Instructions to follow:
Entries follow. Set all of them down as they stand.

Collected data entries
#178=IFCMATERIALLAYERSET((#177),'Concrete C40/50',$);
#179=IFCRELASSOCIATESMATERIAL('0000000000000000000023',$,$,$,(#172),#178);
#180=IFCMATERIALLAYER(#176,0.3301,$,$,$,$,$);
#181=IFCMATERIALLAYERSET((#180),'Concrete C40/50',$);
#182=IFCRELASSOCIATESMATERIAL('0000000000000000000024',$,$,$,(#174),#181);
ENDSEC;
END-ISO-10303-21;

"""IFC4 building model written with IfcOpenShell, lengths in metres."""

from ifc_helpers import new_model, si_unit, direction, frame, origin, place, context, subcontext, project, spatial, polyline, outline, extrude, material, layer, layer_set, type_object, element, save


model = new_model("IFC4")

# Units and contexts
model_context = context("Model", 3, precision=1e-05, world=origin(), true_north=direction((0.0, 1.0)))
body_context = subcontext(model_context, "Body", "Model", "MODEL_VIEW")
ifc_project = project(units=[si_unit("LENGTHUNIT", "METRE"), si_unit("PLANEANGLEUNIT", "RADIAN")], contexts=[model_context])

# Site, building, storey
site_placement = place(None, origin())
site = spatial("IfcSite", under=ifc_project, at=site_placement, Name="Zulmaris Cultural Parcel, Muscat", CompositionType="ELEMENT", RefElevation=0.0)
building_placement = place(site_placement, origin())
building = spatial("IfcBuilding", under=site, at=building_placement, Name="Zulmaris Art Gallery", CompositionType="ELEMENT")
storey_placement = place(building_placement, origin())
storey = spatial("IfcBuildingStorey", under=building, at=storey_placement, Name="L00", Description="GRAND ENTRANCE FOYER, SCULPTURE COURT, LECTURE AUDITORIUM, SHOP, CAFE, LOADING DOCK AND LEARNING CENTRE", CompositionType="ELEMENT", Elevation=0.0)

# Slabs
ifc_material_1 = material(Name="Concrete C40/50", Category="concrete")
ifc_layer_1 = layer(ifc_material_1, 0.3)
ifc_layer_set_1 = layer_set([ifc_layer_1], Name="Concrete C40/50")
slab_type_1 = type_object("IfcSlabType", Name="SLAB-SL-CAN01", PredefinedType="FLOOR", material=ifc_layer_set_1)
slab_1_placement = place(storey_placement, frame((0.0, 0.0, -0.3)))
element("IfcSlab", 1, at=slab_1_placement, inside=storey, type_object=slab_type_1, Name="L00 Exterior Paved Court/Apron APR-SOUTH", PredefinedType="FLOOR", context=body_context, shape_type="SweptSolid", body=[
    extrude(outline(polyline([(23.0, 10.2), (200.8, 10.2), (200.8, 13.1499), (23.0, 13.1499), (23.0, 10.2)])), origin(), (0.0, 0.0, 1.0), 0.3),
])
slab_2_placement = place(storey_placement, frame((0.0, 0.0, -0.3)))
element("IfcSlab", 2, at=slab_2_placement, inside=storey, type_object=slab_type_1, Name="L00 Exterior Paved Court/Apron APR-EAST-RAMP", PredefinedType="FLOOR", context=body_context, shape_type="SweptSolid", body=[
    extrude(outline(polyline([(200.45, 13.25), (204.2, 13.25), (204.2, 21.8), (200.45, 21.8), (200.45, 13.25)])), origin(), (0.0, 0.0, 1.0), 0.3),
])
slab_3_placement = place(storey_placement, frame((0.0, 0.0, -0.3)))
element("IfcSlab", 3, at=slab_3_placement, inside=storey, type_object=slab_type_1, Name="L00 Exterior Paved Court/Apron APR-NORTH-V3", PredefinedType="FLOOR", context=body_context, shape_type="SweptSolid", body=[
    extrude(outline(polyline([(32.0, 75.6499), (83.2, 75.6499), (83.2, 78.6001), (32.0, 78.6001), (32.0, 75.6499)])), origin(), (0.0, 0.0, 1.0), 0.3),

Answer area:
#178=IFCMATERIALLAYERSET((#177),'Concrete C40/50',$);
#179=IFCRELASSOCIATESMATERIAL('0000000000000000000023',$,$,$,(#172),#178);
#180=IFCMATERIALLAYER(#176,0.3301,$,$,$,$,$);
#181=IFCMATERIALLAYERSET((#180),'Concrete C40/50',$);
#182=IFCRELASSOCIATESMATERIAL('0000000000000000000024',$,$,$,(#174),#181);
ENDSEC;
END-ISO-10303-21;

"""IFC4 building model written with IfcOpenShell, lengths in metres."""

from ifc_helpers import new_model, si_unit, direction, frame, origin, place, context, subcontext, project, spatial, polyline, outline, extrude, material, layer, layer_set, type_object, element, save


model = new_model("IFC4")

# Units and contexts
model_context = context("Model", 3, precision=1e-05, world=origin(), true_north=direction((0.0, 1.0)))
body_context = subcontext(model_context, "Body", "Model", "MODEL_VIEW")
ifc_project = project(units=[si_unit("LENGTHUNIT", "METRE"), si_unit("PLANEANGLEUNIT", "RADIAN")], contexts=[model_context])

# Site, building, storey
site_placement = place(None, origin())
site = spatial("IfcSite", under=ifc_project, at=site_placement, Name="Zulmaris Cultural Parcel, Muscat", CompositionType="ELEMENT", RefElevation=0.0)
building_placement = place(site_placement, origin())
building = spatial("IfcBuilding", under=site, at=building_placement, Name="Zulmaris Art Gallery", CompositionType="ELEMENT")
storey_placement = place(building_placement, origin())
storey = spatial("IfcBuildingStorey", under=building, at=storey_placement, Name="L00", Description="GRAND ENTRANCE FOYER, SCULPTURE COURT, LECTURE AUDITORIUM, SHOP, CAFE, LOADING DOCK AND LEARNING CENTRE", CompositionType="ELEMENT", Elevation=0.0)

# Slabs
ifc_material_1 = material(Name="Concrete C40/50", Category="concrete")
ifc_layer_1 = layer(ifc_material_1, 0.3)
ifc_layer_set_1 = layer_set([ifc_layer_1], Name="Concrete C40/50")
slab_type_1 = type_object("IfcSlabType", Name="SLAB-SL-CAN01", PredefinedType="FLOOR", material=ifc_layer_set_1)
slab_1_placement = place(storey_placement, frame((0.0, 0.0, -0.3)))
element("IfcSlab", 1, at=slab_1_placement, inside=storey, type_object=slab_type_1, Name="L00 Exterior Paved Court/Apron APR-SOUTH", PredefinedType="FLOOR", context=body_context, shape_type="SweptSolid", body=[
    extrude(outline(polyline([(23.0, 10.2), (200.8, 10.2), (200.8, 13.1499), (23.0, 13.1499), (23.0, 10.2)])), origin(), (0.0, 0.0, 1.0), 0.3),
])
slab_2_placement = place(storey_placement, frame((0.0, 0.0, -0.3)))
element("IfcSlab", 2, at=slab_2_placement, inside=storey, type_object=slab_type_1, Name="L00 Exterior Paved Court/Apron APR-EAST-RAMP", PredefinedType="FLOOR", context=body_context, shape_type="SweptSolid", body=[
    extrude(outline(polyline([(200.45, 13.25), (204.2, 13.25), (204.2, 21.8), (200.45, 21.8), (200.45, 13.25)])), origin(), (0.0, 0.0, 1.0), 0.3),
])
slab_3_placement = place(storey_placement, frame((0.0, 0.0, -0.3)))
element("IfcSlab", 3, at=slab_3_placement, inside=storey, type_object=slab_type_1, Name="L00 Exterior Paved Court/Apron APR-NORTH-V3", PredefinedType="FLOOR", context=body_context, shape_type="SweptSolid", body=[
    extrude(outline(polyline([(32.0, 75.6499), (83.2, 75.6499), (83.2, 78.6001), (32.0, 78.6001), (32.0, 75.6499)])), origin(), (0.0, 0.0, 1.0), 0.3),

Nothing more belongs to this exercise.